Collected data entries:
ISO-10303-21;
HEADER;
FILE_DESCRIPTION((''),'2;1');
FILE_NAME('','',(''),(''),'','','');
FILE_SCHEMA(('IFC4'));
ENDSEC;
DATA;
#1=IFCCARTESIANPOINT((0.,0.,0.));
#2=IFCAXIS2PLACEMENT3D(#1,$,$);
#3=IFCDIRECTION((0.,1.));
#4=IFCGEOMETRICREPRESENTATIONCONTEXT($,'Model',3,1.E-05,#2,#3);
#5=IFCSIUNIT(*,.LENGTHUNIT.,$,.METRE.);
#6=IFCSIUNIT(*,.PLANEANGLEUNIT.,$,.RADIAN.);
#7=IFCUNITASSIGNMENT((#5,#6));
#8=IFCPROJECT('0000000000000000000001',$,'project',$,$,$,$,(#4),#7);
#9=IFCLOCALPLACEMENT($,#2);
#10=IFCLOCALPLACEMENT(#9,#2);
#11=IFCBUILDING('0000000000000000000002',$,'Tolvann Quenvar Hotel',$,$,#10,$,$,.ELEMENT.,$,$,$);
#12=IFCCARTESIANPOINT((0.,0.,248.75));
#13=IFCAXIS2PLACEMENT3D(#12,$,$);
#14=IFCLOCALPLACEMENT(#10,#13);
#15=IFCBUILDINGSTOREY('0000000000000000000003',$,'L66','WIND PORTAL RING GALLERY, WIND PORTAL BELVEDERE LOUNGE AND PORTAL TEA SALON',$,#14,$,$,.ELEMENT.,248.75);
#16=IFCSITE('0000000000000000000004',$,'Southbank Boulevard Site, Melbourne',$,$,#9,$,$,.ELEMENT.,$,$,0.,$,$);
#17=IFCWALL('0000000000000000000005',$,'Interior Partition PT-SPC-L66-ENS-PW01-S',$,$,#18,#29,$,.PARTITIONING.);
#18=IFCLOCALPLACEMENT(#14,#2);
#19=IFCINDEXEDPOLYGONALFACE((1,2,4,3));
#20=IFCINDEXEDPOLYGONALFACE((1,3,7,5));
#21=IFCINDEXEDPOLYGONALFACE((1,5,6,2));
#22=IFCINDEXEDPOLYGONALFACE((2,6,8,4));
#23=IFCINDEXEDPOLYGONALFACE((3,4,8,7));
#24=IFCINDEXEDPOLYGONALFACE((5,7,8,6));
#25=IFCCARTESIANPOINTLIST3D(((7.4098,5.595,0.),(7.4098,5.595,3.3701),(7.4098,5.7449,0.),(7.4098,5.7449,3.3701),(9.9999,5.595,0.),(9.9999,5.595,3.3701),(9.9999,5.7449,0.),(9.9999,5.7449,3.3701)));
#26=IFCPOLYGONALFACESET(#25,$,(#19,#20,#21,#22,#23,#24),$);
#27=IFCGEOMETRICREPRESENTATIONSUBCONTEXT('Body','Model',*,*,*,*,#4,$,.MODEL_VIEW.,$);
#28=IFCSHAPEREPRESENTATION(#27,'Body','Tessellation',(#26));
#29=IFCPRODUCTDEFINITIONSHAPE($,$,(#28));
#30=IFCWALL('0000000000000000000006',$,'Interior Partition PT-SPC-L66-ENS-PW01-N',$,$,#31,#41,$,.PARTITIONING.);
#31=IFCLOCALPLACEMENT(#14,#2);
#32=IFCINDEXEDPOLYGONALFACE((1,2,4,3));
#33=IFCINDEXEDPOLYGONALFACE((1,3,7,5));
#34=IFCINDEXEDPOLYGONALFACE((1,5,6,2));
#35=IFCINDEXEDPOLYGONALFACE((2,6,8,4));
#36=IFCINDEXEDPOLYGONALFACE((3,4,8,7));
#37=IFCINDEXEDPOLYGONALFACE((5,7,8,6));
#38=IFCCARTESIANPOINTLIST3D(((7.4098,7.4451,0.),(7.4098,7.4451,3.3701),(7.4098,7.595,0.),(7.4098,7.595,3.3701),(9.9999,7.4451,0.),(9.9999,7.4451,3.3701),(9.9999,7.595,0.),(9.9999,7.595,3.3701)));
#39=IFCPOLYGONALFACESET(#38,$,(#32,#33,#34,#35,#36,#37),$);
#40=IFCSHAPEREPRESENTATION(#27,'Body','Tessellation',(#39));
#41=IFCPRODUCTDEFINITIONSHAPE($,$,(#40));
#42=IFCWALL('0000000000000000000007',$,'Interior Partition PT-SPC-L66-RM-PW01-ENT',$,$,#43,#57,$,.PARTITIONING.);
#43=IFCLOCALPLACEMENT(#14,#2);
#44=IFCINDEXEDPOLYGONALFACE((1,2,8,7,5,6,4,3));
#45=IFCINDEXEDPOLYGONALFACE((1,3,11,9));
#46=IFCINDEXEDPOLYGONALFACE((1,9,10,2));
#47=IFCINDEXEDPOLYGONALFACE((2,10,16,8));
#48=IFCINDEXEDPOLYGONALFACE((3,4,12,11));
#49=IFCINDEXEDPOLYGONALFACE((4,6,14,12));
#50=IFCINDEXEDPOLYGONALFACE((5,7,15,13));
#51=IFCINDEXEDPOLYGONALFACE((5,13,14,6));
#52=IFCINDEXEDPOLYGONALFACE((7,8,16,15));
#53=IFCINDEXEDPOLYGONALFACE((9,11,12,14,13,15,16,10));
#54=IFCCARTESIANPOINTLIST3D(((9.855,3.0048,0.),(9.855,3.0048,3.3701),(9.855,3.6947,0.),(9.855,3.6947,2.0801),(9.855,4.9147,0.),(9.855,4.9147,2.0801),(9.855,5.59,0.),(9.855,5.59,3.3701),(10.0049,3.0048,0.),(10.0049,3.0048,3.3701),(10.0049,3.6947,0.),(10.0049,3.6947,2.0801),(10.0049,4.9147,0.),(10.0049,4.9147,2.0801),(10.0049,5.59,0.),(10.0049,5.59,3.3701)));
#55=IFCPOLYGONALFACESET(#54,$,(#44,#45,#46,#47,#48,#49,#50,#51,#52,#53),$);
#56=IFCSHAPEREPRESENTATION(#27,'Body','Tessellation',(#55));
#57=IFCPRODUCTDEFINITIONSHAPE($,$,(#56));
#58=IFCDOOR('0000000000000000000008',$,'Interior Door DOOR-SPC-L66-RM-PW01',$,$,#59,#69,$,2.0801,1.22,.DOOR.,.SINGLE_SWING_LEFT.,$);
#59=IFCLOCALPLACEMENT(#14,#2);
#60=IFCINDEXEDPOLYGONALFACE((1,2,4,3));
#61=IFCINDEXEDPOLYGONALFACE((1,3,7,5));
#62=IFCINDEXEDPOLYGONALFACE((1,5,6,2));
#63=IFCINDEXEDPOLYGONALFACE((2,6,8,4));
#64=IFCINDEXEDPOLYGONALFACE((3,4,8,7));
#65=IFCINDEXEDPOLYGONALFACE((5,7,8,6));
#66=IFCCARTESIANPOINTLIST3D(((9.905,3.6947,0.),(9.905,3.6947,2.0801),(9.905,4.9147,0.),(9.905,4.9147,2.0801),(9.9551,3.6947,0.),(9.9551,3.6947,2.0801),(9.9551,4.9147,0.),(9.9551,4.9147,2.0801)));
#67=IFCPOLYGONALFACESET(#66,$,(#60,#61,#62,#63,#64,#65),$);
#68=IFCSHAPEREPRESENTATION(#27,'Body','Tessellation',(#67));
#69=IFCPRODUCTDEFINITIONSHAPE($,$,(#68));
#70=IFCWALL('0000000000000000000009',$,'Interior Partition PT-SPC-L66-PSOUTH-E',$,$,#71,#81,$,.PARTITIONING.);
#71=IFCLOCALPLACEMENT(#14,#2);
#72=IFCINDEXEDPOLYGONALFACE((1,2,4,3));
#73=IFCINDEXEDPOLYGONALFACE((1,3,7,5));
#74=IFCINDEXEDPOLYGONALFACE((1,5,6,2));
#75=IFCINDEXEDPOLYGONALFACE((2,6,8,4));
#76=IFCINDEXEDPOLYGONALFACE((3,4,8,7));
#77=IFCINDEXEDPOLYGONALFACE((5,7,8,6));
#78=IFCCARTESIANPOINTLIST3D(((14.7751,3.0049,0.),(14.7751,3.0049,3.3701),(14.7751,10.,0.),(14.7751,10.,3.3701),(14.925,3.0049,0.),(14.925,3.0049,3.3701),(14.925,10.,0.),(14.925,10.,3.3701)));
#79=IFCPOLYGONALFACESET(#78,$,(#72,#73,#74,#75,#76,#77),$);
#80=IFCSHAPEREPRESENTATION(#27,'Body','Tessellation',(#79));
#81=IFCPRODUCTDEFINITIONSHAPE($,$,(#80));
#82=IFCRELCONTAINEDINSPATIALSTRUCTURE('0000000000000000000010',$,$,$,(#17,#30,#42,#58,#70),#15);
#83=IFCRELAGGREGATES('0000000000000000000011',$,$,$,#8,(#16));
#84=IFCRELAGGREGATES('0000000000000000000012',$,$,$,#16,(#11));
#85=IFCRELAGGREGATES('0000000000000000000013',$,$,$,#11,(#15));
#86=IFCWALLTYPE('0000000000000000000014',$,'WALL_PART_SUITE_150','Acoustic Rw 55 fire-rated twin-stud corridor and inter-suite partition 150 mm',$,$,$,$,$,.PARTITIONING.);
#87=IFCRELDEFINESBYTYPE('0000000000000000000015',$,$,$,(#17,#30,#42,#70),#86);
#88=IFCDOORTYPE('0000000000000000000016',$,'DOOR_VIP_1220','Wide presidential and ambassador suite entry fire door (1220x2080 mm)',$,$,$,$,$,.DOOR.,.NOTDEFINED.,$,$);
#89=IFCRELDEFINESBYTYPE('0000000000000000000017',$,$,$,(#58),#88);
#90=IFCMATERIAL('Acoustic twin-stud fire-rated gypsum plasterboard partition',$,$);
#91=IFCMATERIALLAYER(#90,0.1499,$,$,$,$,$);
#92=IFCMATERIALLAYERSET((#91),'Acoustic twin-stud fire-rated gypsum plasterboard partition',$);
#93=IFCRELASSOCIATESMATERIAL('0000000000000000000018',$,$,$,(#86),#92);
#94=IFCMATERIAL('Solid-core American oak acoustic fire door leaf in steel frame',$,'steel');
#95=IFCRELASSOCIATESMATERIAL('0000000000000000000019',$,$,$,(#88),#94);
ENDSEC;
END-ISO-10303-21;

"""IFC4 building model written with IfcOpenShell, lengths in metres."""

from ifc_helpers import new_model, si_unit, direction, frame, frame_2d, origin, place, context, subcontext, project, spatial, rectangle, extrude, source, transform, mapped, material, layer, layer_set, type_object, type_shapes, element, fill, save


model = new_model("IFC4")

# Units and contexts
model_context = context("Model", 3, precision=1e-05, world=origin(), true_north=direction((0.0, 1.0)))
body_context = subcontext(model_context, "Body", "Model", "MODEL_VIEW")
ifc_project = project(units=[si_unit("LENGTHUNIT", "METRE"), si_unit("PLANEANGLEUNIT", "RADIAN")], contexts=[model_context])

# Site, building, storey
site_placement = place(None, origin())
site = spatial("IfcSite", under=ifc_project, at=site_placement, Name="Southbank Boulevard Site, Melbourne", CompositionType="ELEMENT", RefElevation=0.0)
building_placement = place(site_placement, origin())
building = spatial("IfcBuilding", under=site, at=building_placement, Name="Tolvann Quenvar Hotel", CompositionType="ELEMENT")
storey_placement = place(building_placement, frame((0.0, 0.0, 248.75)))
storey = spatial("IfcBuildingStorey", under=building, at=storey_placement, Name="L66", Description="WIND PORTAL RING GALLERY, WIND PORTAL BELVEDERE LOUNGE AND PORTAL TEA SALON", CompositionType="ELEMENT", Elevation=248.75)

# Shared definitions
ifc_material_1 = material(Name="Acoustic twin-stud fire-rated gypsum plasterboard partition")
ifc_layer_1 = layer(ifc_material_1, 0.1499)
ifc_layer_set_1 = layer_set([ifc_layer_1], Name="Acoustic twin-stud fire-rated gypsum plasterboard partition")
wall_type_1 = type_object("IfcWallType", Name="WALL_PART_SUITE_150", Description="Acoustic Rw 55 fire-rated twin-stud corridor and inter-suite partition 150 mm", PredefinedType="PARTITIONING", material=ifc_layer_set_1)
ifc_material_2 = material(Name="Solid-core American oak acoustic fire door leaf in steel frame", Category="steel")

# Walls
for number, where, z_axis, x_axis, name in (
    (1, (7.4099, 5.6699, 0.0), (0.0, 0.0, 1.0), (1.0, 0.0, 0.0), "Interior Partition PT-SPC-L66-ENS-PW01-S"),
    (2, (7.4099, 7.52, 0.0), (0.0, 0.0, 1.0), (1.0, 0.0, 0.0), "Interior Partition PT-SPC-L66-ENS-PW01-N"),
):
    element("IfcWall", number, at=place(storey_placement, frame(where, z_axis=z_axis, x_axis=x_axis)), inside=storey, type_object=wall_type_1, Name=name, PredefinedType="PARTITIONING", context=body_context, shape_type="SweptSolid", body=[
        extrude(rectangle(XDim=2.5901, YDim=0.1499, at=frame_2d((1.2949, 0.0))), origin(), (0.0, 0.0, 1.0), 3.3701),
    ])

# Wall, opening, door
wall_1_placement = place(storey_placement, frame((9.9299, 3.0049, 0.0), z_axis=(0.0, 0.0, 1.0), x_axis=(0.0, 1.0, 0.0)))
wall_1 = element("IfcWall", 3, at=wall_1_placement, inside=storey, type_object=wall_type_1, Name="Interior Partition PT-SPC-L66-RM-PW01-ENT", PredefinedType="PARTITIONING", context=body_context, shape_type="SweptSolid", body=[
    extrude(rectangle(XDim=2.5852, YDim=0.1499, at=frame_2d((1.2925, 0.0))), origin(), (0.0, 0.0, 1.0), 3.3701),
])
opening_1_placement = place(wall_1_placement, frame((0.6899, 0.0, 0.0)))
opening_1 = element("IfcOpeningElement", 4, at=opening_1_placement, cuts=wall_1, PredefinedType="OPENING", context=body_context, shape_type="SweptSolid", body=[
    extrude(rectangle(XDim=1.22, YDim=2.0801, at=frame_2d((0.6099, 1.04))), frame((0.0, 0.085, 0.0), z_axis=(0.0, -1.0, 0.0), x_axis=(1.0, 0.0, 0.0)), (0.0, 0.0, 1.0), 0.1699),
])
door_type_1 = type_object("IfcDoorType", Name="DOOR_VIP_1220", Description="Wide presidential and ambassador suite entry fire door (1220x2080 mm)", OperationType="NOTDEFINED", PredefinedType="DOOR", material=ifc_material_2)
shared_shape_1 = source(origin(), body_context, "Body", "SweptSolid", [
    extrude(rectangle(XDim=1.22, YDim=2.0801, at=frame_2d((0.6099, 1.04))), frame((0.0, 0.0249, 0.0), z_axis=(0.0, -1.0, 0.0), x_axis=(1.0, 0.0, 0.0)), (0.0, 0.0, 1.0), 0.05),
])
type_shapes(door_type_1, [shared_shape_1])
door_1_placement = place(opening_1_placement, origin())
door_1 = element("IfcDoor", 5, at=door_1_placement, inside=storey, type_object=door_type_1, Name="Interior Door DOOR-SPC-L66-RM-PW01", OperationType="SINGLE_SWING_LEFT", OverallHeight=2.0801, OverallWidth=1.22, PredefinedType="DOOR", context=body_context, shape_type="MappedRepresentation", body=[
    mapped(shared_shape_1, transform((0.0, 0.0, 0.0), x_axis=(1.0, 0.0, 0.0), y_axis=(0.0, 1.0, 0.0), z_axis=(0.0, 0.0, 1.0), scale=1.0)),
])
fill(opening_1, door_1)

# Wall
wall_2_placement = place(storey_placement, frame((14.8501, 3.0049, 0.0), z_axis=(0.0, 0.0, 1.0), x_axis=(0.0, 1.0, 0.0)))
element("IfcWall", 6, at=wall_2_placement, inside=storey, type_object=wall_type_1, Name="Interior Partition PT-SPC-L66-PSOUTH-E", PredefinedType="PARTITIONING", context=body_context, shape_type="SweptSolid", body=[
    extrude(rectangle(XDim=6.9951, YDim=0.1499, at=frame_2d((3.4976, 0.0))), origin(), (0.0, 0.0, 1.0), 3.3701),
])

save(model, "model.ifc")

• **Exercise details**:
The lines to copy are those above that contain "IFCSIUNIT".

• **Exercise output**:
#5=IFCSIUNIT(*,.LENGTHUNIT.,$,.METRE.);
#6=IFCSIUNIT(*,.PLANEANGLEUNIT.,$,.RADIAN.);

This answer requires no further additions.